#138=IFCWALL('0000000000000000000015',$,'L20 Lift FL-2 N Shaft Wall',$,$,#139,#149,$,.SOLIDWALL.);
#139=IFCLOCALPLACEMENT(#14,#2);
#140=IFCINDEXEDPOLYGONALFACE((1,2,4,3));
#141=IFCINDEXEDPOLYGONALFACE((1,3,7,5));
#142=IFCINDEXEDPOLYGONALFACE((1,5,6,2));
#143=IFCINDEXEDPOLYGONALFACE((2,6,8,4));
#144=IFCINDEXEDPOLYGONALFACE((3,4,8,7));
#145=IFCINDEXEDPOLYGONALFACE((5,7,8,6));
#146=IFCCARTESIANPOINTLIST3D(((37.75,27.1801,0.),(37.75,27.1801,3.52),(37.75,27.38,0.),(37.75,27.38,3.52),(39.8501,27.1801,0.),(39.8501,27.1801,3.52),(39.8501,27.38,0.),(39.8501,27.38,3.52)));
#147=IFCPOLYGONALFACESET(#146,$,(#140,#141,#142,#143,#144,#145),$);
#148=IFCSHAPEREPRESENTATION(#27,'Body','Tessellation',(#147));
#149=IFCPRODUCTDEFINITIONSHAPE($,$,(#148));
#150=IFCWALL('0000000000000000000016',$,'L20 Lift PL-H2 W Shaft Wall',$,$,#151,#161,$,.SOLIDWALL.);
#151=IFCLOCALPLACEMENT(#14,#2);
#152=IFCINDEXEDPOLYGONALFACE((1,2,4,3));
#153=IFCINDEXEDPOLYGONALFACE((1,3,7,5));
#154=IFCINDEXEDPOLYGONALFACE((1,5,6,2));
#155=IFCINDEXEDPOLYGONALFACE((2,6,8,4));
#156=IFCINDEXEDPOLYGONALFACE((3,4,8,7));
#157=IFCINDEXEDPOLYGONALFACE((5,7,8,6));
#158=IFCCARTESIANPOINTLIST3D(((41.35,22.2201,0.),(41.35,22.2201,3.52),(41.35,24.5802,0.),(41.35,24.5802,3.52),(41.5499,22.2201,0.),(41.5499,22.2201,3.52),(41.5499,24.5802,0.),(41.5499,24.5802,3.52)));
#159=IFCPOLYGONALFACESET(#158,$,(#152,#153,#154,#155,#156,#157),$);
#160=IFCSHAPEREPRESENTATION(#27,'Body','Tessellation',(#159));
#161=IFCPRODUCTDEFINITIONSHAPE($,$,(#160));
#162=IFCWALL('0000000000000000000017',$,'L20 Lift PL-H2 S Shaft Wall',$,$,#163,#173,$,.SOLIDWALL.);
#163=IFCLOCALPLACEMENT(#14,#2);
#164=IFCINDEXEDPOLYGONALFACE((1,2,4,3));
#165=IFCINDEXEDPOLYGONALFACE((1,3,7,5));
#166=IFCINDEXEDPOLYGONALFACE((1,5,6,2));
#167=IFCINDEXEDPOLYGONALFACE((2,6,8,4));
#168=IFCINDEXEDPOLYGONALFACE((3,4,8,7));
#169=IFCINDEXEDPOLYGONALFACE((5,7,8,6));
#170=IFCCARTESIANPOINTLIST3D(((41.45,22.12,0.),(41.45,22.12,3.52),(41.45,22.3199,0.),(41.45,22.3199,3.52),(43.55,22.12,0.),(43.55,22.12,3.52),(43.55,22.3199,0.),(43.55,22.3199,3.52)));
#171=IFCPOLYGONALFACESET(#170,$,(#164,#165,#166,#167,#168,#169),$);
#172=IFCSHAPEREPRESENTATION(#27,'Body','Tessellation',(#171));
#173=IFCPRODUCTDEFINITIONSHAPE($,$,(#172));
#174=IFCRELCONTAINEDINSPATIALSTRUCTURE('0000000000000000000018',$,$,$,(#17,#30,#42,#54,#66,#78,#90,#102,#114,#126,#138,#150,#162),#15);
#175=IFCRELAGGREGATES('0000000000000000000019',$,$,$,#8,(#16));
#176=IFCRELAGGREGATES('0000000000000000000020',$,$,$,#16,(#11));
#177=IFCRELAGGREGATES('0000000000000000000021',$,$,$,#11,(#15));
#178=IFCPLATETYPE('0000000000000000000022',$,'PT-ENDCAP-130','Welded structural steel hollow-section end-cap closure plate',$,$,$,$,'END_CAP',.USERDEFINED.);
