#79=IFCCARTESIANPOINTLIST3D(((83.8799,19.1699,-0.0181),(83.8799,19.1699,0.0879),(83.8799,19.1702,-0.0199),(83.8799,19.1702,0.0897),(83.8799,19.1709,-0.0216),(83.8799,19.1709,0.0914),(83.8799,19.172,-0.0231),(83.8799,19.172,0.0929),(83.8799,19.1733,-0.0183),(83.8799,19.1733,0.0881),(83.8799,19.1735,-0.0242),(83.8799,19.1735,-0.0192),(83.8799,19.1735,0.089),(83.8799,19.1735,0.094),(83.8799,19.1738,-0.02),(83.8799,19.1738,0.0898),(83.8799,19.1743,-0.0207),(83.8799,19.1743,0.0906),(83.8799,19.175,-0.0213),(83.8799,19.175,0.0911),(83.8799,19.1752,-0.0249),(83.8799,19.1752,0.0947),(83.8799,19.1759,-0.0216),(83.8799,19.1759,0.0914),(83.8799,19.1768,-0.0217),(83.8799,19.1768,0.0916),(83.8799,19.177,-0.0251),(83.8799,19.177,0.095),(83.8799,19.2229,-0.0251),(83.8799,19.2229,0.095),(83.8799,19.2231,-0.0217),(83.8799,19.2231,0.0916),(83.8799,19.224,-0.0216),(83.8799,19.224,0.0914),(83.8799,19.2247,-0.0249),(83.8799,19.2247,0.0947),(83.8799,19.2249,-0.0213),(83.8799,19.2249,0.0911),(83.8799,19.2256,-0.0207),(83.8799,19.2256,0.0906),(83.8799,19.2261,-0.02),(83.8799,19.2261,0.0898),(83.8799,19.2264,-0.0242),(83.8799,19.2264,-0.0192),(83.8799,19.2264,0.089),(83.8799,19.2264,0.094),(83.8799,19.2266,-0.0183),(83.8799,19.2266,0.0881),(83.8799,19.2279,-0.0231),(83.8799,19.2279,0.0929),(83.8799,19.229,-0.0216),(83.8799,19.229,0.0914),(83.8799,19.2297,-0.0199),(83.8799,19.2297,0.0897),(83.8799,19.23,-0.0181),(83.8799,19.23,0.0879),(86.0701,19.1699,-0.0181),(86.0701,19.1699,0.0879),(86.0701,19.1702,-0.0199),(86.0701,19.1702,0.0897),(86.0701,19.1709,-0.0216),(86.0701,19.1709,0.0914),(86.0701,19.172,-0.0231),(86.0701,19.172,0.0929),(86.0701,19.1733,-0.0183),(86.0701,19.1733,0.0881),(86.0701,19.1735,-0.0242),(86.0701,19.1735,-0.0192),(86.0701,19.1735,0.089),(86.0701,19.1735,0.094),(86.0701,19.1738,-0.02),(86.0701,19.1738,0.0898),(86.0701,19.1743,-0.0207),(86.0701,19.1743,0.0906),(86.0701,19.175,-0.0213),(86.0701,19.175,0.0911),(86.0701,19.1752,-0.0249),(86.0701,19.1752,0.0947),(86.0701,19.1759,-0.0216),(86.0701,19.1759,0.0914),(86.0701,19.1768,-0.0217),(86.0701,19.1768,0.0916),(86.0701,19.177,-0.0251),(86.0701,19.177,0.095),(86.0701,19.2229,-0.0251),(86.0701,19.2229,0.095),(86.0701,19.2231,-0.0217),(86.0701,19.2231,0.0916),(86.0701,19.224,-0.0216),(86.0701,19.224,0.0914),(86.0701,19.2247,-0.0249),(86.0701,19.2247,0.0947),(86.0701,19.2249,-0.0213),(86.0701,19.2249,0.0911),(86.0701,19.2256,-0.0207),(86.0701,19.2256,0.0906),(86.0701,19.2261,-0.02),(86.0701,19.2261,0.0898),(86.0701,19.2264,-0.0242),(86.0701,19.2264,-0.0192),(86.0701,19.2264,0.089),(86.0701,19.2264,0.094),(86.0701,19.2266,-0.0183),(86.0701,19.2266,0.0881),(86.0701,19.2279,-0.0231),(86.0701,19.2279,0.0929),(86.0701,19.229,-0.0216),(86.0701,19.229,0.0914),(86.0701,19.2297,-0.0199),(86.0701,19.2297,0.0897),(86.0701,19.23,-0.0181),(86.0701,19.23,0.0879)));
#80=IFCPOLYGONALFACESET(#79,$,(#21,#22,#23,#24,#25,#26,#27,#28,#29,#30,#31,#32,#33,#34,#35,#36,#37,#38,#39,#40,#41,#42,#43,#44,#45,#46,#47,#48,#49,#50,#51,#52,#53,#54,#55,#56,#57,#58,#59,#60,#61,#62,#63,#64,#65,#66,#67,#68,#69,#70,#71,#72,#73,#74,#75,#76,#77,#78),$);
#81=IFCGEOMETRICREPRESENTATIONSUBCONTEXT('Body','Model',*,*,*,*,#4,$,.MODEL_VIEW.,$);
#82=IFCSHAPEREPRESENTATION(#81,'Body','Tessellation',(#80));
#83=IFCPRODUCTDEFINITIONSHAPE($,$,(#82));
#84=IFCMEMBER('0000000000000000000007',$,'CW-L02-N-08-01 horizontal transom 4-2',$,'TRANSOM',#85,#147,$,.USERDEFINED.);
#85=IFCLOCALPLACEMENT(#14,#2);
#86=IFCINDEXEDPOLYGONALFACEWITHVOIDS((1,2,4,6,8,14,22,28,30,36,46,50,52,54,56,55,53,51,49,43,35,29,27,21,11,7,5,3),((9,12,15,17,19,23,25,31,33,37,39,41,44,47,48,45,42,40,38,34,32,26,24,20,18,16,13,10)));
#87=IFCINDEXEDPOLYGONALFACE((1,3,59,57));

• • • •

Scan the listing above and work out how many of its lines contain the word "Body". Report only that number.

5